The problem:
Pull each line holding "Structural" out of the entries below.

- - -

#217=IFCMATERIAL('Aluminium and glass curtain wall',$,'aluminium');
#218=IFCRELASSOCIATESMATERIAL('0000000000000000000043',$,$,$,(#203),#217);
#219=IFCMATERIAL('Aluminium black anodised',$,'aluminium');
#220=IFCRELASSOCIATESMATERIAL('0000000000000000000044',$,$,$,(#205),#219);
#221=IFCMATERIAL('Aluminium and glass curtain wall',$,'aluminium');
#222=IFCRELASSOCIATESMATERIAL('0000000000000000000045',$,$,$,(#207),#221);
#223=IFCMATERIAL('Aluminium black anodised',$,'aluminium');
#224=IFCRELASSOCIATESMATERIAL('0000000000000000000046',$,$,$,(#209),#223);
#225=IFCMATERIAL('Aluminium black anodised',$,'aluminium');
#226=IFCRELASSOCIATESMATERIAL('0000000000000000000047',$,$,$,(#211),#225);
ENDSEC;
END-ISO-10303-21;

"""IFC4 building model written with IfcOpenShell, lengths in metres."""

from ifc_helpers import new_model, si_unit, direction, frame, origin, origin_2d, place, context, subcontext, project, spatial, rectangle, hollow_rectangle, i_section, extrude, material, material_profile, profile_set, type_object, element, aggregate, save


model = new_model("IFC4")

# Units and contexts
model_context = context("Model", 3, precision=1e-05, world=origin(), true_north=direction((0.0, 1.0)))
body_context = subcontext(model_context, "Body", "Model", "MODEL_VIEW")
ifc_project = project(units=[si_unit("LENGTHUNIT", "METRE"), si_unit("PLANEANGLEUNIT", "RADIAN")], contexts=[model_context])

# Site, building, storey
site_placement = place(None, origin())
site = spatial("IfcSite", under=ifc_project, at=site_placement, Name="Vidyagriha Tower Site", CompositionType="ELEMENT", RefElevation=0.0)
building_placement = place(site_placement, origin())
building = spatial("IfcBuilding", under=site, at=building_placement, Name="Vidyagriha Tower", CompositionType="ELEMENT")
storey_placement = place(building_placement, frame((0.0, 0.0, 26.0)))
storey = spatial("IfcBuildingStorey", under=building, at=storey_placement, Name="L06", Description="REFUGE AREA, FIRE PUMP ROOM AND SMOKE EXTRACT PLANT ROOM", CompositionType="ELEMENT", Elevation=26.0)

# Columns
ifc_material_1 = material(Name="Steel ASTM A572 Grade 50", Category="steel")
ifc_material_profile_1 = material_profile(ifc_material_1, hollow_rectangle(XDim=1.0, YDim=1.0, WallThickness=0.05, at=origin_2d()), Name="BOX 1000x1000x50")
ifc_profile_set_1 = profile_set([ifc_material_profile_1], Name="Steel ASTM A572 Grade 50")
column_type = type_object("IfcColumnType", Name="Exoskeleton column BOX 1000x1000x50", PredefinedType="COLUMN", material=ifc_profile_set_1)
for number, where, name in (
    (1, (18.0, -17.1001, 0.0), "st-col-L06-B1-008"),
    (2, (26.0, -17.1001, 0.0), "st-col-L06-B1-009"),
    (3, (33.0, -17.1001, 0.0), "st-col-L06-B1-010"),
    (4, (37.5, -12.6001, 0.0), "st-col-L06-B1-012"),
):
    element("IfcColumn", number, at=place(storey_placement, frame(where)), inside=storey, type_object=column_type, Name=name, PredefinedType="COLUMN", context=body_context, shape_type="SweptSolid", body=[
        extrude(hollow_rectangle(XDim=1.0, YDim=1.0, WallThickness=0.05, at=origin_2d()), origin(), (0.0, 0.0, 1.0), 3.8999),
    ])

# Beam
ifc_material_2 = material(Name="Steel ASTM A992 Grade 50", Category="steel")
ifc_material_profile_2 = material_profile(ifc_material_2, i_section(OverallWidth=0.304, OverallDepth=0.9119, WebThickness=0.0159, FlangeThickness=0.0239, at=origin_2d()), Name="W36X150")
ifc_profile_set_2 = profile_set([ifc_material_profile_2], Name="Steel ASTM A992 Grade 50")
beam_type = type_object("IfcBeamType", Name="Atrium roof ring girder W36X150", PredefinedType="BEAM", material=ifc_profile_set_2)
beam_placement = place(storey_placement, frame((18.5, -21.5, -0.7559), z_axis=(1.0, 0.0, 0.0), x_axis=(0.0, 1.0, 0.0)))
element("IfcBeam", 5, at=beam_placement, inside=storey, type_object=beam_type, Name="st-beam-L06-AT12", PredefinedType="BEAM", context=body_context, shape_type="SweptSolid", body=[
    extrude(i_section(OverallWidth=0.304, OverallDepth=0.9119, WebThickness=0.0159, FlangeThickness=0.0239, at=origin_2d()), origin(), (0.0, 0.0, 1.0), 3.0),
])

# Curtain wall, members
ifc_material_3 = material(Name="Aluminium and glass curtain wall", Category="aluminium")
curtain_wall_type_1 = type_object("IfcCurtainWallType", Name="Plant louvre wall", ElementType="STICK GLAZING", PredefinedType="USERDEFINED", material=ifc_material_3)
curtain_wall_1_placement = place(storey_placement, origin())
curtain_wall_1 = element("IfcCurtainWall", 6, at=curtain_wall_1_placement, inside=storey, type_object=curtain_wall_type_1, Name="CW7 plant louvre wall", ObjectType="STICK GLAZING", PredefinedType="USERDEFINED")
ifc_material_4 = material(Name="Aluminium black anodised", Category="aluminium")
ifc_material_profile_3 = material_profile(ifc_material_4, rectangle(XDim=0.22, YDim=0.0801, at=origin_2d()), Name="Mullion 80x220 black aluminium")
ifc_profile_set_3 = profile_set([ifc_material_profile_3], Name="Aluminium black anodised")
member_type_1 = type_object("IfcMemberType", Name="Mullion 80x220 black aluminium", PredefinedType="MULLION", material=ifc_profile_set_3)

- - -

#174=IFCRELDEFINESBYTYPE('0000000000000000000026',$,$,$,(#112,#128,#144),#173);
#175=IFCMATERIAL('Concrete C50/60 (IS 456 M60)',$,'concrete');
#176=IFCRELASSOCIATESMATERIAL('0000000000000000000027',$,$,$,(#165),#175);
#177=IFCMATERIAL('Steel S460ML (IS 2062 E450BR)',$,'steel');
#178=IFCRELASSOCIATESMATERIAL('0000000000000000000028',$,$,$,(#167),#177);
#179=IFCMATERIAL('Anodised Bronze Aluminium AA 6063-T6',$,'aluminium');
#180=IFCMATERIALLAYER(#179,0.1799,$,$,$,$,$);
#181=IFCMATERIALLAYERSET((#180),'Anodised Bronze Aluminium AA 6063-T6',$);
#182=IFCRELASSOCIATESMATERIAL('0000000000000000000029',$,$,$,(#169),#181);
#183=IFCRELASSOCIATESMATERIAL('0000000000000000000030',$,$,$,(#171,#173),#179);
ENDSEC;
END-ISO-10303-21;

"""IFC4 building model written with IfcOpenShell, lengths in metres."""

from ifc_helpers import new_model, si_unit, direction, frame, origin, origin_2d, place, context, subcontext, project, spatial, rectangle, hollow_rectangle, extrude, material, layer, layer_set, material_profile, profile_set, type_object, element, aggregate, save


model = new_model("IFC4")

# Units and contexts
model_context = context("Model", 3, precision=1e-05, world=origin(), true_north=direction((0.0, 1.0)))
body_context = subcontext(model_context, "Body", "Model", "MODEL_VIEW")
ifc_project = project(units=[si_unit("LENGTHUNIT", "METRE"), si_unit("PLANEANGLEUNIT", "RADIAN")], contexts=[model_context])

- - -

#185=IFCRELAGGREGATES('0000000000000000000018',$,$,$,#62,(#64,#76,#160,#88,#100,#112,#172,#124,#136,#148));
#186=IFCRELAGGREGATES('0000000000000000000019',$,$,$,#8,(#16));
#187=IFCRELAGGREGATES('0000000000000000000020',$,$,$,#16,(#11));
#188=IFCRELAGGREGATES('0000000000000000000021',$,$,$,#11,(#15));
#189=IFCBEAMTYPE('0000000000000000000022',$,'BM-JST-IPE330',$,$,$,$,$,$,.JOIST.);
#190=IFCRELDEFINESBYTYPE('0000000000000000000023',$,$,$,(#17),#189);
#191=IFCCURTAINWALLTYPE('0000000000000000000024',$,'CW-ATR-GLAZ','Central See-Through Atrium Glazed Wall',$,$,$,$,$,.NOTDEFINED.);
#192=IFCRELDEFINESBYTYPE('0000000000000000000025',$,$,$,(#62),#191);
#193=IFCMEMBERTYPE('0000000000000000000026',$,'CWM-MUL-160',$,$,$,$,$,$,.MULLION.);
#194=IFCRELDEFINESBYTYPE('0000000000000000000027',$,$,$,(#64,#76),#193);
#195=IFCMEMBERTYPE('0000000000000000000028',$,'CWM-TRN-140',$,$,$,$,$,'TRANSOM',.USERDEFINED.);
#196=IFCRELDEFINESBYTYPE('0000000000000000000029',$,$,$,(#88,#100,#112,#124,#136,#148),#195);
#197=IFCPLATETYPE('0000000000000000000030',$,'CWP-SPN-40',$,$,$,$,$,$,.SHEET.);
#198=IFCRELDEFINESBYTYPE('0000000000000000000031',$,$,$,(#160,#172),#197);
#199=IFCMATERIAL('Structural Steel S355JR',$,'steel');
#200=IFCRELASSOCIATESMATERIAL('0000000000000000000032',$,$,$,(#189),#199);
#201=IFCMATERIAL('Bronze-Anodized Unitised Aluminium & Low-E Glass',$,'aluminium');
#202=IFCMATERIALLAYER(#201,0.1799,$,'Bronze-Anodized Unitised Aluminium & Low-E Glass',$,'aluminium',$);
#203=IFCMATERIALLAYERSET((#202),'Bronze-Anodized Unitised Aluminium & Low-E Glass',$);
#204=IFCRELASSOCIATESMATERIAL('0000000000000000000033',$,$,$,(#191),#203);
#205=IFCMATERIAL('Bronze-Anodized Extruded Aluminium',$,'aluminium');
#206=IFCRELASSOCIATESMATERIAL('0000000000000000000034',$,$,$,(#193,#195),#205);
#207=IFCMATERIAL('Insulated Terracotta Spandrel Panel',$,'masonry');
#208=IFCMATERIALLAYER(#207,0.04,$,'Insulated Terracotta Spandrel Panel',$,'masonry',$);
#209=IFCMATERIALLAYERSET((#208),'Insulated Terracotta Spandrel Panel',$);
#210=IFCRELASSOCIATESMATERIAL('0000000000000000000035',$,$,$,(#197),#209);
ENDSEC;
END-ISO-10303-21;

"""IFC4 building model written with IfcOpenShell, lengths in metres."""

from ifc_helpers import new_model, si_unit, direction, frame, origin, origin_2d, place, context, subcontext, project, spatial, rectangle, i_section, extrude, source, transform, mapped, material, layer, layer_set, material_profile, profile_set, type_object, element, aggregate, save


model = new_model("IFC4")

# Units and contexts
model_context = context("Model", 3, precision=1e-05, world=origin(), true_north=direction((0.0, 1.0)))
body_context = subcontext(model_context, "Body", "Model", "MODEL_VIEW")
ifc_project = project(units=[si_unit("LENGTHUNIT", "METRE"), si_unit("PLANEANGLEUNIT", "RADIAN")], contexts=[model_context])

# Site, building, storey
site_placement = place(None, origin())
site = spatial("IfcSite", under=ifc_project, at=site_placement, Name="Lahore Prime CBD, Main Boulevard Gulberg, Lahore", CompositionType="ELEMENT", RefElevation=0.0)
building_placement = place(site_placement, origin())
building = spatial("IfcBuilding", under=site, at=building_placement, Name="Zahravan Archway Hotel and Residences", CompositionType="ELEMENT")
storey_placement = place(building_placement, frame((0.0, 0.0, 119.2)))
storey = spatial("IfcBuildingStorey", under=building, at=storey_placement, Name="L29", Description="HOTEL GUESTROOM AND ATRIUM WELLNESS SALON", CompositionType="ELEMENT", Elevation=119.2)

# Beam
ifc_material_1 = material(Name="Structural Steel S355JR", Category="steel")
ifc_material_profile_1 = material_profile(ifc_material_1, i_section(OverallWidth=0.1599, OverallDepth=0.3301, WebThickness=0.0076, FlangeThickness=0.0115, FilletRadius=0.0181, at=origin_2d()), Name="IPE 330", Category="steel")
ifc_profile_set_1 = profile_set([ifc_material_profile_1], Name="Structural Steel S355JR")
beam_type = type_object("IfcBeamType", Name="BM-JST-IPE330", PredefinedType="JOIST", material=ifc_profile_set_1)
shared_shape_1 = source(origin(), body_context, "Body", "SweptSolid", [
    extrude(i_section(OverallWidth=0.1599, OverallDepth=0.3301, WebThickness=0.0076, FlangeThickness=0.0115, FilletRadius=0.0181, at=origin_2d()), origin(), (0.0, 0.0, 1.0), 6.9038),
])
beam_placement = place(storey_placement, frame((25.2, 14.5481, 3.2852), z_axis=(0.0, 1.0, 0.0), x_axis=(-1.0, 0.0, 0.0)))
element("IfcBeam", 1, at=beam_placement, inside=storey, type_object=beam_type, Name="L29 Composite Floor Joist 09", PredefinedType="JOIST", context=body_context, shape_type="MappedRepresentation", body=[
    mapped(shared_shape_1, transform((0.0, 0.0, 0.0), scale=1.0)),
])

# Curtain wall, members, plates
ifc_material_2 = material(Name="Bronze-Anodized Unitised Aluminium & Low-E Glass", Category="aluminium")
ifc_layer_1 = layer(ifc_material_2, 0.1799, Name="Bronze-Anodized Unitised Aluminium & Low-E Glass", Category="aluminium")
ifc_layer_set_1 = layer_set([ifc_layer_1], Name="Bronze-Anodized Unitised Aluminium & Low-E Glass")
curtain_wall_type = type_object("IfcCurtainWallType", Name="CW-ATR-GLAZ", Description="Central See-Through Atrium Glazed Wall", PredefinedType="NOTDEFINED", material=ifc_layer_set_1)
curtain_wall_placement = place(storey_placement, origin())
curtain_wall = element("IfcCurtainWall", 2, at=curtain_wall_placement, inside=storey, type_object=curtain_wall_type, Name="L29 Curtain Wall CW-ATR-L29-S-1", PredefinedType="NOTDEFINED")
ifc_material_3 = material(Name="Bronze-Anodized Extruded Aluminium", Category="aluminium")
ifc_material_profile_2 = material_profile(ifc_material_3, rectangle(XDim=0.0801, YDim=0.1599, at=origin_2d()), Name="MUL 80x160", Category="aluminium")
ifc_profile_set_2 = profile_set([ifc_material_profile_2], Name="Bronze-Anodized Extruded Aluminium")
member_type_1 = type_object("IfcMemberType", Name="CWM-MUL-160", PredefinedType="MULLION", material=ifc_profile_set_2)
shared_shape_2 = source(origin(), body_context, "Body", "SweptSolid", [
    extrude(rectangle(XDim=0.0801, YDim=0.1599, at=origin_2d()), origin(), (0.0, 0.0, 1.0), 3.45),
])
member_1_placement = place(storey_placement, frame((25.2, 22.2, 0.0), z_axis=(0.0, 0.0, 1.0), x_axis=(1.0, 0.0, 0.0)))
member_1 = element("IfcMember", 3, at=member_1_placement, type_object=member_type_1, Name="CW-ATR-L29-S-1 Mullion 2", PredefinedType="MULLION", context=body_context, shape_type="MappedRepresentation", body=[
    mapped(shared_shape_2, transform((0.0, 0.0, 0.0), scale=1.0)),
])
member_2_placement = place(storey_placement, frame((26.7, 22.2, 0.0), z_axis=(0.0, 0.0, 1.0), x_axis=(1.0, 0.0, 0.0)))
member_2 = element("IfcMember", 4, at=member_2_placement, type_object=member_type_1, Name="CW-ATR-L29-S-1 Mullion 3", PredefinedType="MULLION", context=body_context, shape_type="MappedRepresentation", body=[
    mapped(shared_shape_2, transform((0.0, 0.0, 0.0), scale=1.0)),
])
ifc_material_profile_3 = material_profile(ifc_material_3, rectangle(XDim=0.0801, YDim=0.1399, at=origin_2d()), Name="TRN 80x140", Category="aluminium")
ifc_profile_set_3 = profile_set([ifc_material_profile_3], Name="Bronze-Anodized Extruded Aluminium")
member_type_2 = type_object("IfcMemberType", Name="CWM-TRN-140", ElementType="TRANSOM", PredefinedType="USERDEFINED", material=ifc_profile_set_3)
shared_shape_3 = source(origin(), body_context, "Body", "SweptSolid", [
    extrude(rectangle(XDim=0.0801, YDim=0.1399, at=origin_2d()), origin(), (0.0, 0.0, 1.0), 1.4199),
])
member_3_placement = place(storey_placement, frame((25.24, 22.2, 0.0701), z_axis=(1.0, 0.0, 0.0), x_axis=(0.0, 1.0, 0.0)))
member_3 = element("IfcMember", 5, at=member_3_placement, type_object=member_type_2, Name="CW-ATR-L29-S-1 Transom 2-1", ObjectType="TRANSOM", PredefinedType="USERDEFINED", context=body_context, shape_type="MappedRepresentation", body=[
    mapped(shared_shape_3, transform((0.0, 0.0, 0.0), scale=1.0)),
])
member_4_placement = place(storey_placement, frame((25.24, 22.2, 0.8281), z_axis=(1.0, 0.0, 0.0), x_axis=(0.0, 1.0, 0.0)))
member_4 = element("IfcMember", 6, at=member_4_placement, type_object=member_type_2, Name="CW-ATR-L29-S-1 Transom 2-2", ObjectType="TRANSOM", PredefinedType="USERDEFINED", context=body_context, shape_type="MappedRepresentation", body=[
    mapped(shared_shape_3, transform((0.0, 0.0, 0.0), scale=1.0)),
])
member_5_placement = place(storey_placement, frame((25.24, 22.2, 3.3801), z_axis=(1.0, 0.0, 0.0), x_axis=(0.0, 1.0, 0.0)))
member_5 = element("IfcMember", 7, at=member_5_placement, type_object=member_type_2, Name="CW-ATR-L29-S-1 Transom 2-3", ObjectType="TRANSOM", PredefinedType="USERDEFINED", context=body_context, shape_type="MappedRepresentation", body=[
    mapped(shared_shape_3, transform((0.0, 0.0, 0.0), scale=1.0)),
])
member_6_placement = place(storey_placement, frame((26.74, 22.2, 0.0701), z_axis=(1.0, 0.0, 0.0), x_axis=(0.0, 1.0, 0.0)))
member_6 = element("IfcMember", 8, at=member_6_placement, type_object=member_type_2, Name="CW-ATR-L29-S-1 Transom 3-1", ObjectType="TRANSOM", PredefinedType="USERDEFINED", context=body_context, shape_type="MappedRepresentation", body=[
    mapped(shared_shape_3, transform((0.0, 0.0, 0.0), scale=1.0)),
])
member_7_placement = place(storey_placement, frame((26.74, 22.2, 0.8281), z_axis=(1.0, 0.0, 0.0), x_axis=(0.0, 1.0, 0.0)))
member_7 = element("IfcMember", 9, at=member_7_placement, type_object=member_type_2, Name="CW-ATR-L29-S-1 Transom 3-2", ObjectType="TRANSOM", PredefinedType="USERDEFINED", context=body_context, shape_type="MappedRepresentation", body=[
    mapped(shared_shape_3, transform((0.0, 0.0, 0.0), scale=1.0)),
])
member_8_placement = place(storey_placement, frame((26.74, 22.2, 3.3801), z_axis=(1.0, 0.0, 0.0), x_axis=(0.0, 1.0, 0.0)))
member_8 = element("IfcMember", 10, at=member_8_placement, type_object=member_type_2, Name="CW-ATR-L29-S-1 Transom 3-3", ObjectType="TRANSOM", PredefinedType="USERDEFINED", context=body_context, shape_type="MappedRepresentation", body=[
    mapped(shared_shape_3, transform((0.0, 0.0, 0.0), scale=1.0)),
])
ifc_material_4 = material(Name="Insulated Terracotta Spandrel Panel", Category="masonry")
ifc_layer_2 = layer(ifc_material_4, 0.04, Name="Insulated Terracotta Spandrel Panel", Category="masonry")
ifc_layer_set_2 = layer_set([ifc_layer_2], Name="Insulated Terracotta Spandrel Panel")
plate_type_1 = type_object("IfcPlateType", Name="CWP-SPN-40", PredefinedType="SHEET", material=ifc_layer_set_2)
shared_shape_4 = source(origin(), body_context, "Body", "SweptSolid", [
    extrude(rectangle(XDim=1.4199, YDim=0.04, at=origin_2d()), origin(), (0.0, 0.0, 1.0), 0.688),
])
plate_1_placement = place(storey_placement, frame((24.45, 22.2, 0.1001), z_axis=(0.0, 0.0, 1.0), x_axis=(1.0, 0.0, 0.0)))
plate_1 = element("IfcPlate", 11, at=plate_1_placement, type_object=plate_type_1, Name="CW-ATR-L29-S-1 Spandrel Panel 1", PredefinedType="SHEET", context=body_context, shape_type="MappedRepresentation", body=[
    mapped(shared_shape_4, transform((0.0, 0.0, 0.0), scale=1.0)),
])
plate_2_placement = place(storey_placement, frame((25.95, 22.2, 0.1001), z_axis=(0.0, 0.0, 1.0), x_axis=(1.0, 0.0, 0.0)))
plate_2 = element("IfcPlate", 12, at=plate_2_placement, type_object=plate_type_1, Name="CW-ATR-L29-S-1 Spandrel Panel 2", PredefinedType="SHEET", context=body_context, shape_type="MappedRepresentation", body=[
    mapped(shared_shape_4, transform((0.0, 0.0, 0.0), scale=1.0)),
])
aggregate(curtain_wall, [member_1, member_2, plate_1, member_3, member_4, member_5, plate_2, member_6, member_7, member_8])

- - -

Output for this task:
#199=IFCMATERIAL('Structural Steel S355JR',$,'steel');
ifc_material_1 = material(Name="Structural Steel S355JR", Category="steel")
ifc_profile_set_1 = profile_set([ifc_material_profile_1], Name="Structural Steel S355JR")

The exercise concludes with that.